◆ Problem to solve
Retype, exactly as they appear below, the lines between the line holding "#108=IFCINDEXEDPOLYGONALFACE((1,2,4,3));" and the line holding "#113=IFCINDEXEDPOLYGONALFACE((5,7,8,6));", both ends included.
(Given data)
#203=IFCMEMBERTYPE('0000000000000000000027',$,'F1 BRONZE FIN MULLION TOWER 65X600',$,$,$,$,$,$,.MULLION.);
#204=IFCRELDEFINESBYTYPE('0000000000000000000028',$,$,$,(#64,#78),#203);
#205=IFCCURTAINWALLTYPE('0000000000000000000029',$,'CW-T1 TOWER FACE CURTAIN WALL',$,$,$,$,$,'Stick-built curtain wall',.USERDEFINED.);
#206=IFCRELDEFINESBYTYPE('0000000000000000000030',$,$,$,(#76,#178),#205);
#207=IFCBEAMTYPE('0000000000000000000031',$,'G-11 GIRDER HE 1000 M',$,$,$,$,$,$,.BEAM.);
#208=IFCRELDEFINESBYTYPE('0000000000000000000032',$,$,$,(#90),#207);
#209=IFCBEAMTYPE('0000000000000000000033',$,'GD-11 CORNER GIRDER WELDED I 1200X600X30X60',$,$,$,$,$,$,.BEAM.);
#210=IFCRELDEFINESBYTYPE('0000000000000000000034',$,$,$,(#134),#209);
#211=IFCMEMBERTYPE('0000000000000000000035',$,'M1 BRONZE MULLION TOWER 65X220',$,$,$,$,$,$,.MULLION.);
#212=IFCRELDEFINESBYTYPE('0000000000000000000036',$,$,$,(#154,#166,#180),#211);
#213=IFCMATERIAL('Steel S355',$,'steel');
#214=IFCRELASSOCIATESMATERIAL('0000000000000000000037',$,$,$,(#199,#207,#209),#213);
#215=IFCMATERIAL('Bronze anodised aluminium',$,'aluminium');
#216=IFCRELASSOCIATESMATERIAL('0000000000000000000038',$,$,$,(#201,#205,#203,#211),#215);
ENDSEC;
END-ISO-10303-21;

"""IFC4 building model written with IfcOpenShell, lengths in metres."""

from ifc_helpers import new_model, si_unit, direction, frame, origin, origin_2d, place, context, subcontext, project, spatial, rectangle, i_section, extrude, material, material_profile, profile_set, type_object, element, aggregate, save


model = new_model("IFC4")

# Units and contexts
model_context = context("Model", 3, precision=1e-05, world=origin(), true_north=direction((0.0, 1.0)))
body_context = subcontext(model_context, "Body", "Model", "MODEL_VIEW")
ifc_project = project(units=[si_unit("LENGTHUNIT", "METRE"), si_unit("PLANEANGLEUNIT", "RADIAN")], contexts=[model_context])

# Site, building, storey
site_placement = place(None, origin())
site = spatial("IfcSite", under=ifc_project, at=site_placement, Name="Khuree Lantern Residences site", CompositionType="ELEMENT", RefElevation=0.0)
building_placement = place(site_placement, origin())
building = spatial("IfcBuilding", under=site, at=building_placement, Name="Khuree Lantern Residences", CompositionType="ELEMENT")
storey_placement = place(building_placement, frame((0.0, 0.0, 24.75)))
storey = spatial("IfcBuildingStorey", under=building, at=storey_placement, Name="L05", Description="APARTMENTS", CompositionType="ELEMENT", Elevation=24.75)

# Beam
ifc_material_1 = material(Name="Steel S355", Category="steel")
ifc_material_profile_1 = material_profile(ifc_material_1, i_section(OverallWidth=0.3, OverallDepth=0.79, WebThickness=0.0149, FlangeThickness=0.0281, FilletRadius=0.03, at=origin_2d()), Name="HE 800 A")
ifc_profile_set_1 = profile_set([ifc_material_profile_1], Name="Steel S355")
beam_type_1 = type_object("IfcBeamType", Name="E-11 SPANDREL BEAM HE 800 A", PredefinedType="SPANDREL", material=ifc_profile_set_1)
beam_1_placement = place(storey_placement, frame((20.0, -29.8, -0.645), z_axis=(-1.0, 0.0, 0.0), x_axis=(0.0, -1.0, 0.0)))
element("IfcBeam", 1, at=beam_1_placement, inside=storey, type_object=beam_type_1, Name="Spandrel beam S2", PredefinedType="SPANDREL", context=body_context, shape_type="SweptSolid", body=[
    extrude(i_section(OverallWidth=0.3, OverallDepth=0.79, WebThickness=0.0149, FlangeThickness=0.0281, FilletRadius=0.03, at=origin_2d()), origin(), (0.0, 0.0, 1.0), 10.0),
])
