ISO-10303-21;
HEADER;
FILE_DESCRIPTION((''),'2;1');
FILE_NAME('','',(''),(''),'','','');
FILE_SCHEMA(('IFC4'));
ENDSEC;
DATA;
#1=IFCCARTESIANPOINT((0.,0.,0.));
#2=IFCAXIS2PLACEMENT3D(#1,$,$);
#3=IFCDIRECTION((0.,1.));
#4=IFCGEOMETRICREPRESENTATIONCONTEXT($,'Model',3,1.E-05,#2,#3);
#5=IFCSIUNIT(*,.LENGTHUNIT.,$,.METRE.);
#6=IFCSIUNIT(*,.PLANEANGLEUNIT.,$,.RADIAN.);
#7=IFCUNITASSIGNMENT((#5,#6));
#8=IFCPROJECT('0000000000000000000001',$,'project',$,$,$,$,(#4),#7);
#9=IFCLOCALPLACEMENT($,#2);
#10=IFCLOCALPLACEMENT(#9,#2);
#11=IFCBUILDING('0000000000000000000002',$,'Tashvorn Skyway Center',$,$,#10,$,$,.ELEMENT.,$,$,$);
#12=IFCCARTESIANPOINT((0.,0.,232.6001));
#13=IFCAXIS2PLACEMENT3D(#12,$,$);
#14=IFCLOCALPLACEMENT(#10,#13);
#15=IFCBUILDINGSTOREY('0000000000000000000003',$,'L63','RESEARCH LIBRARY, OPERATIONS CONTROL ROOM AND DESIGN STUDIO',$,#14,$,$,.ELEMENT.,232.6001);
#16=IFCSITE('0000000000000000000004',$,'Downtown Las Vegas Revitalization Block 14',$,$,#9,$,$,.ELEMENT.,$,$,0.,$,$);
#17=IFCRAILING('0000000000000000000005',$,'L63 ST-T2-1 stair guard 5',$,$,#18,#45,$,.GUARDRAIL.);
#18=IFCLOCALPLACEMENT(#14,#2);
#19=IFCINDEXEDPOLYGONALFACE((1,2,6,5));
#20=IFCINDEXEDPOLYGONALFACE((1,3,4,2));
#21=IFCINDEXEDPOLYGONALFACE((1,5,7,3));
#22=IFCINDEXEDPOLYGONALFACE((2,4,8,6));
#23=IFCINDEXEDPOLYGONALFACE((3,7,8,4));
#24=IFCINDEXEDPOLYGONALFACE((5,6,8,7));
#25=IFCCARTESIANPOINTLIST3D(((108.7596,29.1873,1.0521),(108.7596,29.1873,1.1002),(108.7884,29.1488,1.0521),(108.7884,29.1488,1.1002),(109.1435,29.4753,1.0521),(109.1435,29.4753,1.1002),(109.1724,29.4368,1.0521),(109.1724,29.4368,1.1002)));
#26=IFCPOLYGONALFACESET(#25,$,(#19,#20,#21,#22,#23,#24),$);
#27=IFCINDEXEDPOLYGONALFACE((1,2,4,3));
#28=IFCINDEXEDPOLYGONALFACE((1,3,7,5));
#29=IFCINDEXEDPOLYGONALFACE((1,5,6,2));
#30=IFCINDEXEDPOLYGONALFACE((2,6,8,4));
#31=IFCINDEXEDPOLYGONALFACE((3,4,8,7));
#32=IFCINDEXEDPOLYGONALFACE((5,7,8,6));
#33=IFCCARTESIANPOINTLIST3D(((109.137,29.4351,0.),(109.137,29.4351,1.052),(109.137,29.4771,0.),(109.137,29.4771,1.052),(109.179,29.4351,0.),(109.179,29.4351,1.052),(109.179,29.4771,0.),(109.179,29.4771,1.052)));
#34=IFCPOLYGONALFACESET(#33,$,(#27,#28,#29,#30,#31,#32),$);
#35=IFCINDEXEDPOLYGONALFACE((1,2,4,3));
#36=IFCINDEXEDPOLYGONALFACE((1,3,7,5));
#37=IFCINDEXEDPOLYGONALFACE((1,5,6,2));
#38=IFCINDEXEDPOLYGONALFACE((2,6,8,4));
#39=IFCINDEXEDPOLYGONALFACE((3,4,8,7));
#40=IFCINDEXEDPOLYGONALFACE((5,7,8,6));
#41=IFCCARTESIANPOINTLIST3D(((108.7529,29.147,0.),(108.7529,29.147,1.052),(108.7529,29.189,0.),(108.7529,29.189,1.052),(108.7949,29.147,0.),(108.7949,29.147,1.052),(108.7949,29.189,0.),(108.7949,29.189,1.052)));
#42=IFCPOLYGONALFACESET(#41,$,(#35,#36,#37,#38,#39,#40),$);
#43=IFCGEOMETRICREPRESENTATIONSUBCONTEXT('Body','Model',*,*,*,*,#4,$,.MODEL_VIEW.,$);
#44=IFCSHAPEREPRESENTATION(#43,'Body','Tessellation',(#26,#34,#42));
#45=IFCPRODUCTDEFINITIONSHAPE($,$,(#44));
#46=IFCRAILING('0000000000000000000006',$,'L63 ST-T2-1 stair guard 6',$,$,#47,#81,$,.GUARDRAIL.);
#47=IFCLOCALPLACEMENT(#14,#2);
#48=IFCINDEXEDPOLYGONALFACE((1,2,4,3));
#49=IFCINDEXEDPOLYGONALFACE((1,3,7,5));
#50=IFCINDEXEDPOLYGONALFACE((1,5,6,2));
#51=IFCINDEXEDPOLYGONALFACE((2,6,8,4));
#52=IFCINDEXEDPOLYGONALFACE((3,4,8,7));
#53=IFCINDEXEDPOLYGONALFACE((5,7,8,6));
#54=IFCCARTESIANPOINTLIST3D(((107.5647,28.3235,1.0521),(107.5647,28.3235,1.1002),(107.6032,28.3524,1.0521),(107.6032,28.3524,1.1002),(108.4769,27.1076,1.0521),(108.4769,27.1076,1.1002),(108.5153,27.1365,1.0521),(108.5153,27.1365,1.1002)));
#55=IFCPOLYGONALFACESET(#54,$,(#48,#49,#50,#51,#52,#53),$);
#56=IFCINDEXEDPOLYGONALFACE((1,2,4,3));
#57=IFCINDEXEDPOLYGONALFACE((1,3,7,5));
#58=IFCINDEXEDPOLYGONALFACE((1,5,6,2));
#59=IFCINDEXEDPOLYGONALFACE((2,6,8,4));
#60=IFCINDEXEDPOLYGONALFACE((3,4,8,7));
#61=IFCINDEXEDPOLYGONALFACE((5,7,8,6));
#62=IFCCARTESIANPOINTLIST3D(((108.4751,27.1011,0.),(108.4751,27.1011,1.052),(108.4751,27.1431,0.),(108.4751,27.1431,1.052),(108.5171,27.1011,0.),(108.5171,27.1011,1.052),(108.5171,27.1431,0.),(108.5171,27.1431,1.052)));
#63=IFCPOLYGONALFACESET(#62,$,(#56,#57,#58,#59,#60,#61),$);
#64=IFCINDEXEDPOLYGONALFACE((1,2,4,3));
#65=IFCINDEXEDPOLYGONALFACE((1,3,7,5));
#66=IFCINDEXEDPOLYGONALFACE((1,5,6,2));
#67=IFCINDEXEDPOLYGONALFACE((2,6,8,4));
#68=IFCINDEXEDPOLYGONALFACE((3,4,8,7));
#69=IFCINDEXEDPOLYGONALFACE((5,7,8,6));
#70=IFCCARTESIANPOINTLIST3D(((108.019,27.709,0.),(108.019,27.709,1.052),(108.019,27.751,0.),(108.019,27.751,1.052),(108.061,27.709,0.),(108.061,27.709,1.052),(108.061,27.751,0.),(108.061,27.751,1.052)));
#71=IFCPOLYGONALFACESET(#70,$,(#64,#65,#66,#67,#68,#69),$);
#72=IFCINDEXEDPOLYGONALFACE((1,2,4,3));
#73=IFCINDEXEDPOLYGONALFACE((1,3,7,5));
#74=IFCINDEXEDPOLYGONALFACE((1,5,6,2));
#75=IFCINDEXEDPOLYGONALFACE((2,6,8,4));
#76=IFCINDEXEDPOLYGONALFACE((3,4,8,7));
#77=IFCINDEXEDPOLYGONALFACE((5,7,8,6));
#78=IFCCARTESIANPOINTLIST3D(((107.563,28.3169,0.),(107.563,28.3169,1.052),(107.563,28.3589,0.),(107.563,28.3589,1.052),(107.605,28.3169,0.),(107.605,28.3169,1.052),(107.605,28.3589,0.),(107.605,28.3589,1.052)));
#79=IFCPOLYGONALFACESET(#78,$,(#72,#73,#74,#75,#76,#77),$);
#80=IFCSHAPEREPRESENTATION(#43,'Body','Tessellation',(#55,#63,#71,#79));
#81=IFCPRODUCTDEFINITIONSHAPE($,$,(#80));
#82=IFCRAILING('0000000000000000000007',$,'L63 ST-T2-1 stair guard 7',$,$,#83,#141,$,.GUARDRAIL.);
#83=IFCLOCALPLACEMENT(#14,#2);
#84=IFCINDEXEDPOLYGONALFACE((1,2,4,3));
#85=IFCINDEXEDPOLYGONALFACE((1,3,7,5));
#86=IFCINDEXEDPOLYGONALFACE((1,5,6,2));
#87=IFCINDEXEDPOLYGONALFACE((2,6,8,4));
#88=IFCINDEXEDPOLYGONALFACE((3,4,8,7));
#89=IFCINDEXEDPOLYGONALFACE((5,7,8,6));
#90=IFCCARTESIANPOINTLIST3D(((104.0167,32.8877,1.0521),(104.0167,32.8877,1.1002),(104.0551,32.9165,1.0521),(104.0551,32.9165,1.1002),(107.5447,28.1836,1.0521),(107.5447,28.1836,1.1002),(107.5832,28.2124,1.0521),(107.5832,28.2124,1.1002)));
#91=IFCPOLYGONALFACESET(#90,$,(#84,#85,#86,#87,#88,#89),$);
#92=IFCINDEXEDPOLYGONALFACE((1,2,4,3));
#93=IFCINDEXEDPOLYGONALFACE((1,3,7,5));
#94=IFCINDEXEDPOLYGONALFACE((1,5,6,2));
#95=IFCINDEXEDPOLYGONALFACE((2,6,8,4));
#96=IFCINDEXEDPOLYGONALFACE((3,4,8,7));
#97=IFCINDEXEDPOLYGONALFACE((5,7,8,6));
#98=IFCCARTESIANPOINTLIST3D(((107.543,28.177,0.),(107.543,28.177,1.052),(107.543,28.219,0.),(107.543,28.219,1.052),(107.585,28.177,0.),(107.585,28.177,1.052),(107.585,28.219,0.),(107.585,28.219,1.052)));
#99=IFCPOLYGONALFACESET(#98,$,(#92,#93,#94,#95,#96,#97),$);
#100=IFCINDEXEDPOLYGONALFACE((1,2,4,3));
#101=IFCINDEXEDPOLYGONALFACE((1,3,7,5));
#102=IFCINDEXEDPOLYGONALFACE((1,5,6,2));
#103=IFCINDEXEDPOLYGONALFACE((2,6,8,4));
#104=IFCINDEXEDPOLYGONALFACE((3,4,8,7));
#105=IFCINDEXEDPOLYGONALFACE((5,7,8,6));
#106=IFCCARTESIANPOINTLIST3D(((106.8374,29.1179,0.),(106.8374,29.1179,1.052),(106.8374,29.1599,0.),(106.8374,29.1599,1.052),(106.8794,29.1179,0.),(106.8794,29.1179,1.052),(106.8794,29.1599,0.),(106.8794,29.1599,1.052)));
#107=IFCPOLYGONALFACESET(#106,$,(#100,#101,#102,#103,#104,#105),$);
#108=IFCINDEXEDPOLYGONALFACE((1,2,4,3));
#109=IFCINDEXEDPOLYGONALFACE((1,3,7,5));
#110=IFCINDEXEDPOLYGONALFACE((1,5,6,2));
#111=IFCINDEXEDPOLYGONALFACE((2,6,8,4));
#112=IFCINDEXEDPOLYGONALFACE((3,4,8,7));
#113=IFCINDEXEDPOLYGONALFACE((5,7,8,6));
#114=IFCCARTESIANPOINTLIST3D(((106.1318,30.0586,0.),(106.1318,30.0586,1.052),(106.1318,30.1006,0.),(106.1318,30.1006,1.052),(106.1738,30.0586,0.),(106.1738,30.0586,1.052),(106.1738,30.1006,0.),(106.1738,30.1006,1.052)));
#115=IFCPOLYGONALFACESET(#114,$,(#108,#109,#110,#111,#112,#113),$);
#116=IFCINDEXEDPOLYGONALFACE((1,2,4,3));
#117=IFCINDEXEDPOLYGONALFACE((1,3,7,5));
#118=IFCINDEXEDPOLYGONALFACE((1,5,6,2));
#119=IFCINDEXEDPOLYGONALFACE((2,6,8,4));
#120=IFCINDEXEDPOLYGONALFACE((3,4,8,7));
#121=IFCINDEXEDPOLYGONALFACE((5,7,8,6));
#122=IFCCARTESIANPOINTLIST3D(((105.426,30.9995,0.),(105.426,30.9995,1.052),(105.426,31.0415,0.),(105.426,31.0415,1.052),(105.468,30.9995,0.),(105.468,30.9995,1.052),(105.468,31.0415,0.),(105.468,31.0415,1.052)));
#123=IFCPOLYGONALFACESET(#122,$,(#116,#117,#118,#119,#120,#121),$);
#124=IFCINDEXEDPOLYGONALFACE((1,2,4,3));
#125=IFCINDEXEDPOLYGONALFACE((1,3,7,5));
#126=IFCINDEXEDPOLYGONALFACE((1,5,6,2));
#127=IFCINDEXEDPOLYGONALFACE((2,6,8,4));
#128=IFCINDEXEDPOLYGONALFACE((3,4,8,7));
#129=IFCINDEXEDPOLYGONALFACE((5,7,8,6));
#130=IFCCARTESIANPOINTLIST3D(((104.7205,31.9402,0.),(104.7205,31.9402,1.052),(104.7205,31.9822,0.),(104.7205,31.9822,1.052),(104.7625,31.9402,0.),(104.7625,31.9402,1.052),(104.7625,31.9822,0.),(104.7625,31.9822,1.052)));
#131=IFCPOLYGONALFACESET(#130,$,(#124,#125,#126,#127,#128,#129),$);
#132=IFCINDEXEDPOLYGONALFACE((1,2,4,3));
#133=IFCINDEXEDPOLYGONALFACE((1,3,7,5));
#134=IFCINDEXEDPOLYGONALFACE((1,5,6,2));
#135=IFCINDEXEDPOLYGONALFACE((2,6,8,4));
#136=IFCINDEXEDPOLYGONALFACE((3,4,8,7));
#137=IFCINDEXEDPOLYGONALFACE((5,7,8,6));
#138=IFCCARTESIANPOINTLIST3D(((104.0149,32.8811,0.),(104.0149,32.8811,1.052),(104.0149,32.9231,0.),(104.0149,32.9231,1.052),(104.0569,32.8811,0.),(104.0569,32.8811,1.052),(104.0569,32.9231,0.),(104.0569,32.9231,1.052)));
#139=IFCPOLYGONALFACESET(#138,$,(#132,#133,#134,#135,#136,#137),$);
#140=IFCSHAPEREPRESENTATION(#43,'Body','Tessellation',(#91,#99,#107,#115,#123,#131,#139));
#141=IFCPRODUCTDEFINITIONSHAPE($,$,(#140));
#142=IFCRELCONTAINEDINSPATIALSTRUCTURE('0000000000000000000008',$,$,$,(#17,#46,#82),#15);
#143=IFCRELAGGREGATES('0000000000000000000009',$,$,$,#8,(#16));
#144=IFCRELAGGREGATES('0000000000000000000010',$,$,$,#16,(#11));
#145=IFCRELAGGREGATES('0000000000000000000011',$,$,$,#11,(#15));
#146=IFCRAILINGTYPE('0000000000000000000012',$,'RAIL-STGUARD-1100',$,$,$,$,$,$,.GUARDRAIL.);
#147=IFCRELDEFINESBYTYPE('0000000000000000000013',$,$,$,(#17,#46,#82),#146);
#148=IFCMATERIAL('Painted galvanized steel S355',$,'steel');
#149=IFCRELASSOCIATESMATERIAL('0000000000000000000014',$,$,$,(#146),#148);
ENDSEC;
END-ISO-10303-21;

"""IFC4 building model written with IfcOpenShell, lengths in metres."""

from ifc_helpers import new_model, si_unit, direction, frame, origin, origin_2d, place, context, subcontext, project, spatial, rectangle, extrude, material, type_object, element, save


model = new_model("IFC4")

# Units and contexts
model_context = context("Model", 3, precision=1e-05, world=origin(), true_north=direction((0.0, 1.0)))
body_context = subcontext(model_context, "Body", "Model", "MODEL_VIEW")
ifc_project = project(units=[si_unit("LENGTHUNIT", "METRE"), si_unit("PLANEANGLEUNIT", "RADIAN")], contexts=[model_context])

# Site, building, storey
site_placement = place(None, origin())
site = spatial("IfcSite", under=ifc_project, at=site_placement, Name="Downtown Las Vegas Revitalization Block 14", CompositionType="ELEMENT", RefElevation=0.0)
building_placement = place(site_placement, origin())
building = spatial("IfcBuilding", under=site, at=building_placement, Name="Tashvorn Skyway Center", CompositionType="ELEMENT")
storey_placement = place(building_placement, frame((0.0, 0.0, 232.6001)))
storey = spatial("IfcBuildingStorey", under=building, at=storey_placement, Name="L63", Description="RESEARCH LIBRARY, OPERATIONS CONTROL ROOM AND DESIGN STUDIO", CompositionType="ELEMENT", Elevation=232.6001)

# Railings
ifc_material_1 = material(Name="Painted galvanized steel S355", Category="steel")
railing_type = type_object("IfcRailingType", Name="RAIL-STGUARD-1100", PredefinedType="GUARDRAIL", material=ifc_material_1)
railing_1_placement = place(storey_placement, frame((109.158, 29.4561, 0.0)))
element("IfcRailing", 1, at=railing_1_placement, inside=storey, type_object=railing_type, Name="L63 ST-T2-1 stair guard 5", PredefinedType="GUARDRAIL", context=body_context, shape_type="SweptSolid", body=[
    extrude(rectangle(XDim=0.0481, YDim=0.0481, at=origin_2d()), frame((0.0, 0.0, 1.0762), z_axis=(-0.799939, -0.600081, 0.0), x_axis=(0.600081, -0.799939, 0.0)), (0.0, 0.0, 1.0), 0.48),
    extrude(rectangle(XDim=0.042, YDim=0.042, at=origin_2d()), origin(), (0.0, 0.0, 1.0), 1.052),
(End Given data)
◆ Response
#108=IFCINDEXEDPOLYGONALFACE((1,2,4,3));
#109=IFCINDEXEDPOLYGONALFACE((1,3,7,5));
#110=IFCINDEXEDPOLYGONALFACE((1,5,6,2));
#111=IFCINDEXEDPOLYGONALFACE((2,6,8,4));
#112=IFCINDEXEDPOLYGONALFACE((3,4,8,7));
#113=IFCINDEXEDPOLYGONALFACE((5,7,8,6));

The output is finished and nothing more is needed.